About this task
Scan the records below. List lines holding "IFCSHAPEREPRESENTATION".

Provided material
--------------------------------
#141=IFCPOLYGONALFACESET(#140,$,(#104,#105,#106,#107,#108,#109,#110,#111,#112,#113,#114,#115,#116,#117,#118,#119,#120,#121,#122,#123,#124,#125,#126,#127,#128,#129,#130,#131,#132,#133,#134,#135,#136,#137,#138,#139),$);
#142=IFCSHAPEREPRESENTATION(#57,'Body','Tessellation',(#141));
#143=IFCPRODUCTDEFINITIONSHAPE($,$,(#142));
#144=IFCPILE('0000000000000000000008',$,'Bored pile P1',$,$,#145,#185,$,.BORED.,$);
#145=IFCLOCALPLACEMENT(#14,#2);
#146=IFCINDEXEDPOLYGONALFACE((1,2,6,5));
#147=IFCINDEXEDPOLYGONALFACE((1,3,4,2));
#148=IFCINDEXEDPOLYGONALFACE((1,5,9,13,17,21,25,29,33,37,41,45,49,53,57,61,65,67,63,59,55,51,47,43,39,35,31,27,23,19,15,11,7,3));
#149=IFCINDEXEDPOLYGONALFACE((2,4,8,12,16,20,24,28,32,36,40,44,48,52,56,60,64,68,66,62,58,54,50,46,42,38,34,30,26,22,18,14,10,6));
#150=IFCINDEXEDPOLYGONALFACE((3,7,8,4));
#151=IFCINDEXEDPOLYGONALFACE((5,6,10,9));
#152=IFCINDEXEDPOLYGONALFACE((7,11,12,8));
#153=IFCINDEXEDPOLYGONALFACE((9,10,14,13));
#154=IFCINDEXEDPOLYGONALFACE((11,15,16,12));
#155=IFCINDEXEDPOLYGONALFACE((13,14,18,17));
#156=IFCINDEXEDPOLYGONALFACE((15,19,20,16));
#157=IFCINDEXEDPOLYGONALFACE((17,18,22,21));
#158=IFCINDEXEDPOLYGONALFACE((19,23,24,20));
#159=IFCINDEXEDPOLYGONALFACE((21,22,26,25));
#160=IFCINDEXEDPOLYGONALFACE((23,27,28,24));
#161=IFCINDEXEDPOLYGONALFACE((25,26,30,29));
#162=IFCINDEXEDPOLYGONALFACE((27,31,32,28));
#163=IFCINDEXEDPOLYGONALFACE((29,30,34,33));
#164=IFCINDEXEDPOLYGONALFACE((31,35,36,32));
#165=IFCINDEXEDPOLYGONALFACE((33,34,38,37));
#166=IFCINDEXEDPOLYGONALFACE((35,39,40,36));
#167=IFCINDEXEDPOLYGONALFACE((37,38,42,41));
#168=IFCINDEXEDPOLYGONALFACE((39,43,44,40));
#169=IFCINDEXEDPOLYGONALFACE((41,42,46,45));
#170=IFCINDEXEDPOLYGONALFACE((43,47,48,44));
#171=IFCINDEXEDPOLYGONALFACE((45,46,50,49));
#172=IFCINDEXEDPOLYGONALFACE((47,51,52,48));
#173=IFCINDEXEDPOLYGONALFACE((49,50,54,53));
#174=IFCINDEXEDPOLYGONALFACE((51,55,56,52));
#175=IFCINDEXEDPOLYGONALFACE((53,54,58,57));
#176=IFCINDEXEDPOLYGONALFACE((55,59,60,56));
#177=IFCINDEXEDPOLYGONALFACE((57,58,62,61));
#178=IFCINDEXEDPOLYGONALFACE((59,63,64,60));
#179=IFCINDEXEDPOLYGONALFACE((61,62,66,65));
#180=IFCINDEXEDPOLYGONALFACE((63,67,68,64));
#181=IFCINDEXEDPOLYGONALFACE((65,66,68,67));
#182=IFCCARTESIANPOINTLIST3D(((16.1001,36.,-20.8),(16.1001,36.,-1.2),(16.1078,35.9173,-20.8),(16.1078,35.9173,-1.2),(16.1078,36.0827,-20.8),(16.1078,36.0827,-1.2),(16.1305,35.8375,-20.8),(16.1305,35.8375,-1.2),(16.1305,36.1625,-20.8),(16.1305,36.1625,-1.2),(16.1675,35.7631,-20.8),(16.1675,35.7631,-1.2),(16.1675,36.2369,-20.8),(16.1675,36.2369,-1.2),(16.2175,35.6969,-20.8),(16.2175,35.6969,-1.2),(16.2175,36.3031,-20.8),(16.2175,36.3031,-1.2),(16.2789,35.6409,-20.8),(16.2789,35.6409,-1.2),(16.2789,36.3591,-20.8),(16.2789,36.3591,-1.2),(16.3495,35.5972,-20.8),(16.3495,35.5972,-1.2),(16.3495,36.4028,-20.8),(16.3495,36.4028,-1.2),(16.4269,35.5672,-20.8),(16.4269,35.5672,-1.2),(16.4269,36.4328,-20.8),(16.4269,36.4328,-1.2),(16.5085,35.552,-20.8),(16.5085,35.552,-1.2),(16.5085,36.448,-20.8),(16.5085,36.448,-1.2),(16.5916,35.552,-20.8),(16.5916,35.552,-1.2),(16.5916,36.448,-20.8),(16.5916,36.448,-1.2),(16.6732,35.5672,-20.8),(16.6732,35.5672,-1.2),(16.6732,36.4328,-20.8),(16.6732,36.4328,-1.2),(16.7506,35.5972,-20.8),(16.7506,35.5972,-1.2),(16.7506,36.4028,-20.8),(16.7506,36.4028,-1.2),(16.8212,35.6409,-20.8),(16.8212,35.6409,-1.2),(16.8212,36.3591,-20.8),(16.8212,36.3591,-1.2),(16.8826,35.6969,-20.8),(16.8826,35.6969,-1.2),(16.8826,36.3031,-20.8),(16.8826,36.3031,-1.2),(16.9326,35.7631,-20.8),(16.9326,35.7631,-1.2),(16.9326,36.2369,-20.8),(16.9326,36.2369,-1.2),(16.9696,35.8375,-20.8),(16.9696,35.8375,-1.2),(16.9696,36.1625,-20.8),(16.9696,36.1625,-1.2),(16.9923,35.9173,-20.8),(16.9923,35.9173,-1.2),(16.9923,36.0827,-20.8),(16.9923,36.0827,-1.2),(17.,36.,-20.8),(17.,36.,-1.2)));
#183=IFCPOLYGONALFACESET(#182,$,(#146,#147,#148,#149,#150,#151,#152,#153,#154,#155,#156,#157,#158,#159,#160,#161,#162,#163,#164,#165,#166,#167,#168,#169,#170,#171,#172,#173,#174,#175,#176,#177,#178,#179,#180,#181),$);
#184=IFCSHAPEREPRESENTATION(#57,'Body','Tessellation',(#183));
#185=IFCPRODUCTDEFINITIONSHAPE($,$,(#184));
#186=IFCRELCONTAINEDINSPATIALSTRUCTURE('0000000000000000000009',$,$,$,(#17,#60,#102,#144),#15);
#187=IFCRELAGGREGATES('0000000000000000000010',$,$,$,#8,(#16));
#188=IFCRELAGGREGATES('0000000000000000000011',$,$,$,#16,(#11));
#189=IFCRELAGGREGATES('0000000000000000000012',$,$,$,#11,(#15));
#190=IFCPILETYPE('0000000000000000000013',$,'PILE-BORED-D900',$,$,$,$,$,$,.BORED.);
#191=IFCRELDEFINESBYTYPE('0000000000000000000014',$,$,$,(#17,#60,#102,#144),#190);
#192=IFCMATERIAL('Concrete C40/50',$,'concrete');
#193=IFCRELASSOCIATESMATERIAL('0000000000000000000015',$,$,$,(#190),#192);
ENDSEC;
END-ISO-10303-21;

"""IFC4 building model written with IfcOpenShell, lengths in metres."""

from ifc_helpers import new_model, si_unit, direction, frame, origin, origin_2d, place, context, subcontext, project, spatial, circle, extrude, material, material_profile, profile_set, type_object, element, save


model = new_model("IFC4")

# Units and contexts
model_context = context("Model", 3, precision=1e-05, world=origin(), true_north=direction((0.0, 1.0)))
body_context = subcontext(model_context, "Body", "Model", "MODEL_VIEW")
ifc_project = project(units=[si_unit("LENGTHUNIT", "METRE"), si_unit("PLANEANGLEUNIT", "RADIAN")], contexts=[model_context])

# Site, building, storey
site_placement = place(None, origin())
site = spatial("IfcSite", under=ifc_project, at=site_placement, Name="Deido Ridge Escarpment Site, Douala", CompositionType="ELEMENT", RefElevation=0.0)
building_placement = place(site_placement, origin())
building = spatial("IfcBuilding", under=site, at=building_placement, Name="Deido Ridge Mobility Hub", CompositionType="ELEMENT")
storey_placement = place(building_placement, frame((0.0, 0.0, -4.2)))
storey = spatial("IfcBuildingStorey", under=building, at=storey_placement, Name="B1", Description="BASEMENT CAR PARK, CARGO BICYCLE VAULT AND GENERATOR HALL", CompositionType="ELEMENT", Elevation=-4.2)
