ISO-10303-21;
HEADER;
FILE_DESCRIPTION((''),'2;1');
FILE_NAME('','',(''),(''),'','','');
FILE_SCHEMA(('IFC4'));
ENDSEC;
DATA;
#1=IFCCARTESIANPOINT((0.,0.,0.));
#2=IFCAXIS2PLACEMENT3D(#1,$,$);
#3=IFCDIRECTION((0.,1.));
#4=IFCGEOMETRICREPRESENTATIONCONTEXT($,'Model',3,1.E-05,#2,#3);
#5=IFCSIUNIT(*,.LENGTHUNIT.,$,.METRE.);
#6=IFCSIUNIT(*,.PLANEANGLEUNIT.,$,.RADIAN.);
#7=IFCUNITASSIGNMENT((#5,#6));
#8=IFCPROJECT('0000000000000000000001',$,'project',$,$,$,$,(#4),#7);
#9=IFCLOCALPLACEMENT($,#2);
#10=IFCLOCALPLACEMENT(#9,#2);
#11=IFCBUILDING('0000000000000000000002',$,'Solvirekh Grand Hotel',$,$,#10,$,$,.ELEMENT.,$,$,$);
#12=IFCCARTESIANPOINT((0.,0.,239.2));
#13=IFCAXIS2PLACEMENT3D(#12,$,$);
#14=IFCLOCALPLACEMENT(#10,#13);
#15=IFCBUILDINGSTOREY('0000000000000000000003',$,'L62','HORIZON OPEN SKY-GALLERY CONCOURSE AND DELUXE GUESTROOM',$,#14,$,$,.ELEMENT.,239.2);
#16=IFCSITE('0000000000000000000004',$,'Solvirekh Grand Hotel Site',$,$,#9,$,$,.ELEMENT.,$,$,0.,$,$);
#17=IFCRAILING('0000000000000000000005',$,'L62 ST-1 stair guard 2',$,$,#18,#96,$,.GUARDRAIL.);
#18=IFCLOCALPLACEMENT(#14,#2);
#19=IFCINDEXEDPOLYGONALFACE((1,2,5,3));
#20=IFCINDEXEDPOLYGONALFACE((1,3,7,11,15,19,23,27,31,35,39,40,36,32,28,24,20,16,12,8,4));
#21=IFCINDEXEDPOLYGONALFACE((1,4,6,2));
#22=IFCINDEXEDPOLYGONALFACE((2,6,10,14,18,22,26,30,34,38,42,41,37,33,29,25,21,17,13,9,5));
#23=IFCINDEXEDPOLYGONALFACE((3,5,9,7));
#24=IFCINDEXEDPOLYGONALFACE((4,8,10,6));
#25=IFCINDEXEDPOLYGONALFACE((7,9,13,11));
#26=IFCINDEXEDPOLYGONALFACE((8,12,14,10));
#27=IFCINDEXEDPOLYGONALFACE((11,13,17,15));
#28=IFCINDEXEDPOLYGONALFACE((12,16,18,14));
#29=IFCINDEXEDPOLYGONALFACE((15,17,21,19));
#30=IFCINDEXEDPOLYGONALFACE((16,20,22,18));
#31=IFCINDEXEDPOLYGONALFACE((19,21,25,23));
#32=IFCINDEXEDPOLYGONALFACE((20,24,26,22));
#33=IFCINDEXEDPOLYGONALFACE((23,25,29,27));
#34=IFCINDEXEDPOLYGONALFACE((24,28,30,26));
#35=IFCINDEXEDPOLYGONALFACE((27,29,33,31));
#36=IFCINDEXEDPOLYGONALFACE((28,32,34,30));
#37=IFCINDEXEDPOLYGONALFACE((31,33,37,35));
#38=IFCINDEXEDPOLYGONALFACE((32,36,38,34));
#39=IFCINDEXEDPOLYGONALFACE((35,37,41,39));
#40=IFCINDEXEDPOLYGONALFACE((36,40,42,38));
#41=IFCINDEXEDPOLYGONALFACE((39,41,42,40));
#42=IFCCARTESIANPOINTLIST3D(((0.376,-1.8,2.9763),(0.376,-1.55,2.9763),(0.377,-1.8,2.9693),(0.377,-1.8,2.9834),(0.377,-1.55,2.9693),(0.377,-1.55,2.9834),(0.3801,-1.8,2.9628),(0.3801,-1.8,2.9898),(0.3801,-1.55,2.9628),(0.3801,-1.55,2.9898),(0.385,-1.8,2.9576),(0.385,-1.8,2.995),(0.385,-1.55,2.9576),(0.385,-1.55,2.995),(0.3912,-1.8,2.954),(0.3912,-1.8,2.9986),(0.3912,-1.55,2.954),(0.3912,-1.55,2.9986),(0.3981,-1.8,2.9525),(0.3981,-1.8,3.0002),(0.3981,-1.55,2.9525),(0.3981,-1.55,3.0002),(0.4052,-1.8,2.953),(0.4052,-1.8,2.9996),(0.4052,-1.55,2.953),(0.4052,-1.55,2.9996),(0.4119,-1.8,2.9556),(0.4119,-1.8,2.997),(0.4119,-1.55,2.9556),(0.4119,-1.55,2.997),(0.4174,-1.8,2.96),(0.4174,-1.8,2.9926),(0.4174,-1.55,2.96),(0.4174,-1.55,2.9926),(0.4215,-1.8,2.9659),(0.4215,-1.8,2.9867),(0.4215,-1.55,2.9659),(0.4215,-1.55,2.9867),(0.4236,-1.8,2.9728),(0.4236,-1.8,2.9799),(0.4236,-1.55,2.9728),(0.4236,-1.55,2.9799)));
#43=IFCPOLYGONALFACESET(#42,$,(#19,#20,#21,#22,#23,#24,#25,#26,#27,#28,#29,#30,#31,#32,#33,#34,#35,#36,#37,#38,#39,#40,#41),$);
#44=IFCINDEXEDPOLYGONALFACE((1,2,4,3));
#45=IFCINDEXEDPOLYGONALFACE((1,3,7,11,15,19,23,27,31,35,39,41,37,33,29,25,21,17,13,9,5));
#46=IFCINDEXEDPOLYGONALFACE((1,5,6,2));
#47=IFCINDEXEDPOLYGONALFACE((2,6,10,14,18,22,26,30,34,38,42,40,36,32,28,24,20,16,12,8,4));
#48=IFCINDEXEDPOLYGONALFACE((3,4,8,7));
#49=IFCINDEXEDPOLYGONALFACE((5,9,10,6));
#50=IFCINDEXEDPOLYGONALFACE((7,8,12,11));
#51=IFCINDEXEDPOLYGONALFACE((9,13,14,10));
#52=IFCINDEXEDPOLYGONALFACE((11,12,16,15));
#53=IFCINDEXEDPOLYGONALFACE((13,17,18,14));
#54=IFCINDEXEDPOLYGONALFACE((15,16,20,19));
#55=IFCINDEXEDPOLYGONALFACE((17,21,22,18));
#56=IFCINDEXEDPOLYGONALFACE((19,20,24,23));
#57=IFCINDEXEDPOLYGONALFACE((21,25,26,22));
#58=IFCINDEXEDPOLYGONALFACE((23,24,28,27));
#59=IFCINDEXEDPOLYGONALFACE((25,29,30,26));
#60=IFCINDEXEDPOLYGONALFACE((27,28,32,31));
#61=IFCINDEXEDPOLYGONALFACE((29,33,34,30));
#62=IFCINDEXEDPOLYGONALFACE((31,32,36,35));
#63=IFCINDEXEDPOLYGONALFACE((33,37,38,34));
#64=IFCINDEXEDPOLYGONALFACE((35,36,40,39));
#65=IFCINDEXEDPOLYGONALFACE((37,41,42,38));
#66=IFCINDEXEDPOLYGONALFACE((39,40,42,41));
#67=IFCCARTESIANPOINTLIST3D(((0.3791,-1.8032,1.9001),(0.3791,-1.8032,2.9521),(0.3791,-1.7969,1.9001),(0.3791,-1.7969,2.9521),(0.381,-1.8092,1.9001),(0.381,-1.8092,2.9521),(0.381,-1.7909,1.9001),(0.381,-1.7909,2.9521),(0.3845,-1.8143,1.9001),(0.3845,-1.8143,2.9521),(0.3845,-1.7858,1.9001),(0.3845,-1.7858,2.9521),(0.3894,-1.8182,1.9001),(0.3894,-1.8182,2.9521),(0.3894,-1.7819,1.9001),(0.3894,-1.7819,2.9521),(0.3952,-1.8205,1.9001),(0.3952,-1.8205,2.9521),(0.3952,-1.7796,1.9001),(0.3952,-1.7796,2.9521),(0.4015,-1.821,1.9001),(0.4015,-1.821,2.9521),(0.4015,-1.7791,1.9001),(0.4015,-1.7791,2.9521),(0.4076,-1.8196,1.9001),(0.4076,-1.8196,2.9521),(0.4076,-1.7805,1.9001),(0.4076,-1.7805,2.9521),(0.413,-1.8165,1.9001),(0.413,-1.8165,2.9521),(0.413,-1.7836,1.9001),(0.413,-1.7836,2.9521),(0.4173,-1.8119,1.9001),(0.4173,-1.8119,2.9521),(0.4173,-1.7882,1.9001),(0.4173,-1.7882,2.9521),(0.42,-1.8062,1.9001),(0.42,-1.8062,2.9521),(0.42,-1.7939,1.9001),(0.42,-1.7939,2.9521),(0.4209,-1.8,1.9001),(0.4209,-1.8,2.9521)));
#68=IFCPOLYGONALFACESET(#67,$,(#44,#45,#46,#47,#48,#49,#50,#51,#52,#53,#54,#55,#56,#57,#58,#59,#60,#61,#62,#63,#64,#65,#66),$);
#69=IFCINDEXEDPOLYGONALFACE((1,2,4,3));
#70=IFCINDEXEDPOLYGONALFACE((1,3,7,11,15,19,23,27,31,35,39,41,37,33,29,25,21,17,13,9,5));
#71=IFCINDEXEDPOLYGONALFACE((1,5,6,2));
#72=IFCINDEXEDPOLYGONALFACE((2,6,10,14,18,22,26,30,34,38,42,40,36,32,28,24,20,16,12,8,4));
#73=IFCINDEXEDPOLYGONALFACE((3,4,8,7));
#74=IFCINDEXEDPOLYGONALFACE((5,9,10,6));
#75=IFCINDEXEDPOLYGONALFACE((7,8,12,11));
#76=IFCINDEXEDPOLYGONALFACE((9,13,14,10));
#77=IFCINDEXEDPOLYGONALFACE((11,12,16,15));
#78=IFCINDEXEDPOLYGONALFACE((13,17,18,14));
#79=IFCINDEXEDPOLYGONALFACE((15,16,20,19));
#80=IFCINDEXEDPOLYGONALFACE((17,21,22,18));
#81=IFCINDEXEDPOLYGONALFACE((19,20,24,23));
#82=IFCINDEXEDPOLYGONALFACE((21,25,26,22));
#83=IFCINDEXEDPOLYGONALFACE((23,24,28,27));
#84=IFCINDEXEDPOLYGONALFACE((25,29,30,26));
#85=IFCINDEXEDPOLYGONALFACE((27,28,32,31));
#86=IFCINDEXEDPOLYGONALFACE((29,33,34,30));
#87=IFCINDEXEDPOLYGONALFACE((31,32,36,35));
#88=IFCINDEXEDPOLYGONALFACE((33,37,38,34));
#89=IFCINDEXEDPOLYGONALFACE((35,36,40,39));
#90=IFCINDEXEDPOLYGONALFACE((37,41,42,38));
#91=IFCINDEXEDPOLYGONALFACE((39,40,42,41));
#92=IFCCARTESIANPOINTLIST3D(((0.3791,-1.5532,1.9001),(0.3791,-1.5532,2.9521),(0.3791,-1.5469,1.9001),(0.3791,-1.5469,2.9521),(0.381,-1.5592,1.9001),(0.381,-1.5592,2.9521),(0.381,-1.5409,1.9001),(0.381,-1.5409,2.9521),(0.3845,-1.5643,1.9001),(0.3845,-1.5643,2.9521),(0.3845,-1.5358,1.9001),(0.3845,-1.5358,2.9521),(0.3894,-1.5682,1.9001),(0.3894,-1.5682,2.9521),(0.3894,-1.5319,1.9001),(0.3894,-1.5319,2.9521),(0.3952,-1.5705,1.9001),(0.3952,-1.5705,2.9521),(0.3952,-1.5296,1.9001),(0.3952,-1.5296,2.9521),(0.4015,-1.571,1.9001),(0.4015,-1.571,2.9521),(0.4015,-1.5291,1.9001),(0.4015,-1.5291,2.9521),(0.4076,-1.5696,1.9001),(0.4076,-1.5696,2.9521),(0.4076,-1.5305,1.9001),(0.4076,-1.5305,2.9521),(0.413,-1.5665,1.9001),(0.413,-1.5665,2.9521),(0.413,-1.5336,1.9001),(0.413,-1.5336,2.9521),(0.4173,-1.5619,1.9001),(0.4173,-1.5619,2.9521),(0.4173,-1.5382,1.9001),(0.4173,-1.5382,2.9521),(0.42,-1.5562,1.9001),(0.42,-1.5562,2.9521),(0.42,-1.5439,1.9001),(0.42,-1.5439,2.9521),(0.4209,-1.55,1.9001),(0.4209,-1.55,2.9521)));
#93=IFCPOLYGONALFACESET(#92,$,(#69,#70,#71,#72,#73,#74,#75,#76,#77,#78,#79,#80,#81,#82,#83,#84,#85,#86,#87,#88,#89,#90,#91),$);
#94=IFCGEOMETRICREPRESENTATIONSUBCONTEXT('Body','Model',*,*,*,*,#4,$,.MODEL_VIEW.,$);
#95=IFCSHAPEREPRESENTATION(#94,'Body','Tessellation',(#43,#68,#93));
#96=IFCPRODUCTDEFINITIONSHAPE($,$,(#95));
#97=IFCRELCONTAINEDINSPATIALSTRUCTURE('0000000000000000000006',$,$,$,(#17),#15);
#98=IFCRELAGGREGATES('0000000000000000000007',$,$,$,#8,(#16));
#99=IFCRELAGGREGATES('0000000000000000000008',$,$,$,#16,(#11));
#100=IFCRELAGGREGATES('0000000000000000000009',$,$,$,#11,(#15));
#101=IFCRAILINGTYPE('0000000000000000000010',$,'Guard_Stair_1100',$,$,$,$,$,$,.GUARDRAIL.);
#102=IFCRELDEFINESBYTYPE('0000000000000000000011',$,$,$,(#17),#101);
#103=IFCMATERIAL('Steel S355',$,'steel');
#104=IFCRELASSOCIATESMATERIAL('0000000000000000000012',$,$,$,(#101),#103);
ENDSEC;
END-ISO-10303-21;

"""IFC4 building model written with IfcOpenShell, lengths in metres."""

from ifc_helpers import new_model, si_unit, direction, frame, origin, origin_2d, place, context, subcontext, project, spatial, circle, extrude, material, type_object, element, save


model = new_model("IFC4")

# Units and contexts
model_context = context("Model", 3, precision=1e-05, world=origin(), true_north=direction((0.0, 1.0)))
body_context = subcontext(model_context, "Body", "Model", "MODEL_VIEW")
ifc_project = project(units=[si_unit("LENGTHUNIT", "METRE"), si_unit("PLANEANGLEUNIT", "RADIAN")], contexts=[model_context])

# Site, building, storey
site_placement = place(None, origin())
site = spatial("IfcSite", under=ifc_project, at=site_placement, Name="Solvirekh Grand Hotel Site", CompositionType="ELEMENT", RefElevation=0.0)
building_placement = place(site_placement, origin())
building = spatial("IfcBuilding", under=site, at=building_placement, Name="Solvirekh Grand Hotel", CompositionType="ELEMENT")
storey_placement = place(building_placement, frame((0.0, 0.0, 239.2)))
storey = spatial("IfcBuildingStorey", under=building, at=storey_placement, Name="L62", Description="HORIZON OPEN SKY-GALLERY CONCOURSE AND DELUXE GUESTROOM", CompositionType="ELEMENT", Elevation=239.2)

# Shared definitions
ifc_material_1 = material(Name="Steel S355", Category="steel")

# Railing
railing_type_1 = type_object("IfcRailingType", Name="Guard_Stair_1100", PredefinedType="GUARDRAIL", material=ifc_material_1)
railing_1_placement = place(storey_placement, frame((0.3999, -1.8, 1.9001)))
element("IfcRailing", 1, at=railing_1_placement, inside=storey, type_object=railing_type_1, Name="L62 ST-1 stair guard 2", PredefinedType="GUARDRAIL", context=body_context, shape_type="SweptSolid", body=[
    extrude(circle(Radius=0.0239, at=origin_2d()), frame((0.0, 0.0, 1.0762), z_axis=(0.0, 1.0, 0.0), x_axis=(-1.0, 0.0, 0.0)), (0.0, 0.0, 1.0), 0.25),
    extrude(circle(Radius=0.021, at=origin_2d()), origin(), (0.0, 0.0, 1.0), 1.052),
    extrude(circle(Radius=0.021, at=origin_2d()), frame((0.0, 0.25, 0.0)), (0.0, 0.0, 1.0), 1.052),
])

save(model, "model.ifc")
--------------------------------
Result for this exercise
#142=IFCSHAPEREPRESENTATION(#57,'Body','Tessellation',(#141));
#184=IFCSHAPEREPRESENTATION(#57,'Body','Tessellation',(#183));
#95=IFCSHAPEREPRESENTATION(#94,'Body','Tessellation',(#43,#68,#93));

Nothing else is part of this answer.